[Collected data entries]
▽
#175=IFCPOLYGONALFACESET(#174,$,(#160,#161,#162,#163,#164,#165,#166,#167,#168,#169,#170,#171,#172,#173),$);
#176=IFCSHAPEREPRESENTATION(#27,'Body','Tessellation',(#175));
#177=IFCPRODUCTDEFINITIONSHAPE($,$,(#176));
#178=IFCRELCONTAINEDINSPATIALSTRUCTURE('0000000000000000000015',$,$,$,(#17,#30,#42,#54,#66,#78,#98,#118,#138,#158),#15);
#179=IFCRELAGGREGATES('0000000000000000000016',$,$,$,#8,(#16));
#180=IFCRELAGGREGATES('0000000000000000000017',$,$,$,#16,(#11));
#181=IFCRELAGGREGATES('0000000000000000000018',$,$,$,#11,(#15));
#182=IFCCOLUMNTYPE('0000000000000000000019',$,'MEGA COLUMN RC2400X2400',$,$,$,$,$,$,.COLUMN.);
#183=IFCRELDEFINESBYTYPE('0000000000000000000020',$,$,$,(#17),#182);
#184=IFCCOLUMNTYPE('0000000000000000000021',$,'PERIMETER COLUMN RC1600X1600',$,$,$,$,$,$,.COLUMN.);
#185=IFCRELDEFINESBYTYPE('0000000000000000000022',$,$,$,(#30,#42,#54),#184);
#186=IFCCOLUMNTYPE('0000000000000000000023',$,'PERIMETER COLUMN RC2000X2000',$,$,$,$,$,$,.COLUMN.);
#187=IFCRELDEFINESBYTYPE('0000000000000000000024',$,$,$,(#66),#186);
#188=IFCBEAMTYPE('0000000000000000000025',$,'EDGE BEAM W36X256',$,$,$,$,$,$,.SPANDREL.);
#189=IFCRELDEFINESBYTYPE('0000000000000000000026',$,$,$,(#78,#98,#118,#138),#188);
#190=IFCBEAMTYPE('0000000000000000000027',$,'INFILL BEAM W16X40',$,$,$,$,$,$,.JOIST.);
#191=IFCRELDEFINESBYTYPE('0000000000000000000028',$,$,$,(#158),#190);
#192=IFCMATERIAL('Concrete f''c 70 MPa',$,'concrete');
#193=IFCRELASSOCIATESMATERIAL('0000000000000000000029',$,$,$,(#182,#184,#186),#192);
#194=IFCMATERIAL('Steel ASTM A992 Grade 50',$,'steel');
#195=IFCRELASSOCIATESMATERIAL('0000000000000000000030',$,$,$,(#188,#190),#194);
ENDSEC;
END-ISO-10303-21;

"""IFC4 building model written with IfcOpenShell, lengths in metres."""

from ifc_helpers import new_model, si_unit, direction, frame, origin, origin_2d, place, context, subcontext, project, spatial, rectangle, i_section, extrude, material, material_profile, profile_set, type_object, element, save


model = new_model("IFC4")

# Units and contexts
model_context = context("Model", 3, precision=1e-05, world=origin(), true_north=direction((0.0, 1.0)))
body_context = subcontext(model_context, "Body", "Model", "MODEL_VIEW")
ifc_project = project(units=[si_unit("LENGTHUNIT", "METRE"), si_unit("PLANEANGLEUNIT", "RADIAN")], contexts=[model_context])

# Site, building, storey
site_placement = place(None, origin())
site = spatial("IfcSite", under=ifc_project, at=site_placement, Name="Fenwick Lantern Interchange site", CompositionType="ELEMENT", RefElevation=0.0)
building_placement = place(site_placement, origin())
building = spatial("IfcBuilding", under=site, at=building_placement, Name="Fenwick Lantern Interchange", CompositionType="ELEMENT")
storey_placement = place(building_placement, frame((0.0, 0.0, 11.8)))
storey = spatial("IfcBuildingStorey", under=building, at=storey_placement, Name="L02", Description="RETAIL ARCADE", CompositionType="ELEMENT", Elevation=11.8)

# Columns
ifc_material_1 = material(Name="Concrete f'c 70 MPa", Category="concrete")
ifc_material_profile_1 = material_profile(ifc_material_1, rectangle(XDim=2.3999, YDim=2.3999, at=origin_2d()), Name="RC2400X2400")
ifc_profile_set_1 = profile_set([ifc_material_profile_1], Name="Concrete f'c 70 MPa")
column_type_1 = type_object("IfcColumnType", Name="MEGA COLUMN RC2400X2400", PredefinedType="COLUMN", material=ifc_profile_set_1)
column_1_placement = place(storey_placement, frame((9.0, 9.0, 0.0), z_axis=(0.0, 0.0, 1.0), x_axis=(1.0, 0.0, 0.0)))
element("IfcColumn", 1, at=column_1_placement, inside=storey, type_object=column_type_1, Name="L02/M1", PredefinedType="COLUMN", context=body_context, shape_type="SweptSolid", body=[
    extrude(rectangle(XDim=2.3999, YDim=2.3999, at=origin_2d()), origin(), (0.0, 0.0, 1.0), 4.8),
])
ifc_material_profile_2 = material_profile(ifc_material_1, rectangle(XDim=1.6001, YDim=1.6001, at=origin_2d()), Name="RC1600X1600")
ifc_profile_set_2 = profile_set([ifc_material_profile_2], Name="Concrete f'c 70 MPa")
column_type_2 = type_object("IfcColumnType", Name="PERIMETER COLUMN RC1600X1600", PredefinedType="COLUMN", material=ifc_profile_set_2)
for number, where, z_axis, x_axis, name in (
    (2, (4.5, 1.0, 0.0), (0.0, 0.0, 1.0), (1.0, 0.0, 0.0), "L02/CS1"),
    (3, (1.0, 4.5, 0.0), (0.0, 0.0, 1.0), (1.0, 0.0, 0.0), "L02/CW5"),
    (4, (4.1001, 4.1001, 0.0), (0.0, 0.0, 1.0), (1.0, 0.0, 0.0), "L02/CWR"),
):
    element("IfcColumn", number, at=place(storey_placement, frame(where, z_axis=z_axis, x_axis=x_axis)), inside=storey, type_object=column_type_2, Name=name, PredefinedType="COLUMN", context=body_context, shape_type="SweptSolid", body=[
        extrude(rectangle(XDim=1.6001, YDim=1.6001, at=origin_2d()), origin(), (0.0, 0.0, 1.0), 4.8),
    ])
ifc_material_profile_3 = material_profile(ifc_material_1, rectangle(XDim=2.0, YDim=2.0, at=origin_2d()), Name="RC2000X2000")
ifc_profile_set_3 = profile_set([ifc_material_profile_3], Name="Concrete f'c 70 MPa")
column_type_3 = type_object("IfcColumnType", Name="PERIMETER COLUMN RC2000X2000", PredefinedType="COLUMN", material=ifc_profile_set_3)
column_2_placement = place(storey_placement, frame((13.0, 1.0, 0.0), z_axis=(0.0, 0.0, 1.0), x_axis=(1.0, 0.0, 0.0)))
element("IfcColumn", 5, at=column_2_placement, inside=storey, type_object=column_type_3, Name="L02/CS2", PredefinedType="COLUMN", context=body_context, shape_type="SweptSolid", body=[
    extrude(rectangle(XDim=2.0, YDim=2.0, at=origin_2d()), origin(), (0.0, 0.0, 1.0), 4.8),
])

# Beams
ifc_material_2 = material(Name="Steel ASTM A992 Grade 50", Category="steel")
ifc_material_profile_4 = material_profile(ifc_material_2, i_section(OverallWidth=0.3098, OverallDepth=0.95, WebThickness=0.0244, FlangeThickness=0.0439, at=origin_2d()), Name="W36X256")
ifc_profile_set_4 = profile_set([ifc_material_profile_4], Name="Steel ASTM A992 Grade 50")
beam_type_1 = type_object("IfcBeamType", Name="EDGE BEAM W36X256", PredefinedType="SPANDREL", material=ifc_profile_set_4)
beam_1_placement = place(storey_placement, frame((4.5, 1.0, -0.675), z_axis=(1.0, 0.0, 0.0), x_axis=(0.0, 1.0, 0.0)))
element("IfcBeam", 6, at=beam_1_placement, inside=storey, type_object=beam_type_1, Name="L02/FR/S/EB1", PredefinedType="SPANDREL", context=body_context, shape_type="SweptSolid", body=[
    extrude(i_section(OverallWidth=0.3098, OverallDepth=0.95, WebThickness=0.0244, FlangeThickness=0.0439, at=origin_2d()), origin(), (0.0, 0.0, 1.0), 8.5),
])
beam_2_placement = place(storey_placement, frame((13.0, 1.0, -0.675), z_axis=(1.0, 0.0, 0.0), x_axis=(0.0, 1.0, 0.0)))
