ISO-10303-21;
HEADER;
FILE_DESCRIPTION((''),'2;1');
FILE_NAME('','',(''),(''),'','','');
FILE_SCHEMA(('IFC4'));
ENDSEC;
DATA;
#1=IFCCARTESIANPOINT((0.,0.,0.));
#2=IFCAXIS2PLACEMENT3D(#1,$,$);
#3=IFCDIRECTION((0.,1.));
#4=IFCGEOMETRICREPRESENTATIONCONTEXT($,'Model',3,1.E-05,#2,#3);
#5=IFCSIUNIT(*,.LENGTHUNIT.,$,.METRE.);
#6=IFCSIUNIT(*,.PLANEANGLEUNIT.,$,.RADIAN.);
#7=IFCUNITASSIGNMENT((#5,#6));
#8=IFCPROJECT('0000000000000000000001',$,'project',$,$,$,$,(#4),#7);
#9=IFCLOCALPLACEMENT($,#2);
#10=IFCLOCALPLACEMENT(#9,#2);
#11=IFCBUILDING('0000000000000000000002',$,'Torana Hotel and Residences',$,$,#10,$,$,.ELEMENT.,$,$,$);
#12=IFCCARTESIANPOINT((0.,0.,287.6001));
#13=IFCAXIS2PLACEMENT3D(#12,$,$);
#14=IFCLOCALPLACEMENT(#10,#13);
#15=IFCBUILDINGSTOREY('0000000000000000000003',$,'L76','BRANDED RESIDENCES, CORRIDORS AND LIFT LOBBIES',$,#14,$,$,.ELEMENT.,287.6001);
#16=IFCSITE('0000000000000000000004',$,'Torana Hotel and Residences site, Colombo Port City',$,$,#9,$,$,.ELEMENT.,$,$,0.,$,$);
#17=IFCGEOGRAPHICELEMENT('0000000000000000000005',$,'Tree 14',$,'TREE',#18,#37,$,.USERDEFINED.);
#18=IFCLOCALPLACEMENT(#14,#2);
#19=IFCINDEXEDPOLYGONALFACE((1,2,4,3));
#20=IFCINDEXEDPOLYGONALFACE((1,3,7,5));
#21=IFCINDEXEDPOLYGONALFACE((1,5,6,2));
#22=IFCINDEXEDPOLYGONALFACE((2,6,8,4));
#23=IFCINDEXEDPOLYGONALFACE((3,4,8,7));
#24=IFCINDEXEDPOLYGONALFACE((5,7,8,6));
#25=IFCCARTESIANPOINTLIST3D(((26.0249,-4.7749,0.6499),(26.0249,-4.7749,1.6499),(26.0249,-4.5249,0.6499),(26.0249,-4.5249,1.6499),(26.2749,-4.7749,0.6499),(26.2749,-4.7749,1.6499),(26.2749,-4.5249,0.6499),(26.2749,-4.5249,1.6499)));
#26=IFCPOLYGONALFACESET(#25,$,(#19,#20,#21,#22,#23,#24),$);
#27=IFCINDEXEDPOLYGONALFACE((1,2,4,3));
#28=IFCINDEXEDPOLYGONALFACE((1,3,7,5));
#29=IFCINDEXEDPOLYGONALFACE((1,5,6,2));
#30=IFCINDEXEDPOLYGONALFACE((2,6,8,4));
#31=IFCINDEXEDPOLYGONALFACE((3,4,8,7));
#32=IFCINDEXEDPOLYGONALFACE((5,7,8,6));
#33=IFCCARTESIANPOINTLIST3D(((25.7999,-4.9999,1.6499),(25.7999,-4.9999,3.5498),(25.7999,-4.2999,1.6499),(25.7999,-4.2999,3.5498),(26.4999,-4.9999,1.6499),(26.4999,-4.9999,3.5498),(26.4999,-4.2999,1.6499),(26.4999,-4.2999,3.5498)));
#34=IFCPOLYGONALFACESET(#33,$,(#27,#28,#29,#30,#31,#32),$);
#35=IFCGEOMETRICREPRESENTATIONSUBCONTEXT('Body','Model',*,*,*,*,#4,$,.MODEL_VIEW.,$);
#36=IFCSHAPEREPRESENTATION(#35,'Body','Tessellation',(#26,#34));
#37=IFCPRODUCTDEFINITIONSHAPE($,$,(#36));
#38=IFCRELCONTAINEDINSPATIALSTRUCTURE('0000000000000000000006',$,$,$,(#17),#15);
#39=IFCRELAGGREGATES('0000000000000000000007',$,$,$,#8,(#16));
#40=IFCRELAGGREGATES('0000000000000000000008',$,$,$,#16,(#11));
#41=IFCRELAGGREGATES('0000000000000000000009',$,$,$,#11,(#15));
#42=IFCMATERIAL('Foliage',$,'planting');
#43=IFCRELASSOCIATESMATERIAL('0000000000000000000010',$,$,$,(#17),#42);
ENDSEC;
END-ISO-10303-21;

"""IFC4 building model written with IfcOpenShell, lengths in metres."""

from ifc_helpers import new_model, si_unit, direction, frame, origin, origin_2d, place, context, subcontext, project, spatial, rectangle, extrude, material, element, save


model = new_model("IFC4")

# Units and contexts
model_context = context("Model", 3, precision=1e-05, world=origin(), true_north=direction((0.0, 1.0)))
body_context = subcontext(model_context, "Body", "Model", "MODEL_VIEW")
ifc_project = project(units=[si_unit("LENGTHUNIT", "METRE"), si_unit("PLANEANGLEUNIT", "RADIAN")], contexts=[model_context])

# Site, building, storey
site_placement = place(None, origin())
site = spatial("IfcSite", under=ifc_project, at=site_placement, Name="Torana Hotel and Residences site, Colombo Port City", CompositionType="ELEMENT", RefElevation=0.0)
building_placement = place(site_placement, origin())
building = spatial("IfcBuilding", under=site, at=building_placement, Name="Torana Hotel and Residences", CompositionType="ELEMENT")
storey_placement = place(building_placement, frame((0.0, 0.0, 287.6001)))
storey = spatial("IfcBuildingStorey", under=building, at=storey_placement, Name="L76", Description="BRANDED RESIDENCES, CORRIDORS AND LIFT LOBBIES", CompositionType="ELEMENT", Elevation=287.6001)

# Geographic element
ifc_material_1 = material(Name="Foliage", Category="planting")
geographic_element_placement = place(storey_placement, frame((26.1499, -4.6499, 0.6499), z_axis=(0.0, 0.0, 1.0), x_axis=(1.0, 0.0, 0.0)))
element("IfcGeographicElement", 1, at=geographic_element_placement, inside=storey, material=ifc_material_1, Name="Tree 14", ObjectType="TREE", PredefinedType="USERDEFINED", context=body_context, shape_type="SweptSolid", body=[
    extrude(rectangle(XDim=0.25, YDim=0.25, at=origin_2d()), origin(), (0.0, 0.0, 1.0), 1.0),
    extrude(rectangle(XDim=0.7, YDim=0.7, at=origin_2d()), frame((0.0, 0.0, 1.0)), (0.0, 0.0, 1.0), 1.8999),
])

save(model, "model.ifc")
△
■ Try it
Each line of the data that includes "Lantern" should be copied.

■ Exercise response
site = spatial("IfcSite", under=ifc_project, at=site_placement, Name="Fenwick Lantern Interchange site", CompositionType="ELEMENT", RefElevation=0.0)
building = spatial("IfcBuilding", under=site, at=building_placement, Name="Fenwick Lantern Interchange", CompositionType="ELEMENT")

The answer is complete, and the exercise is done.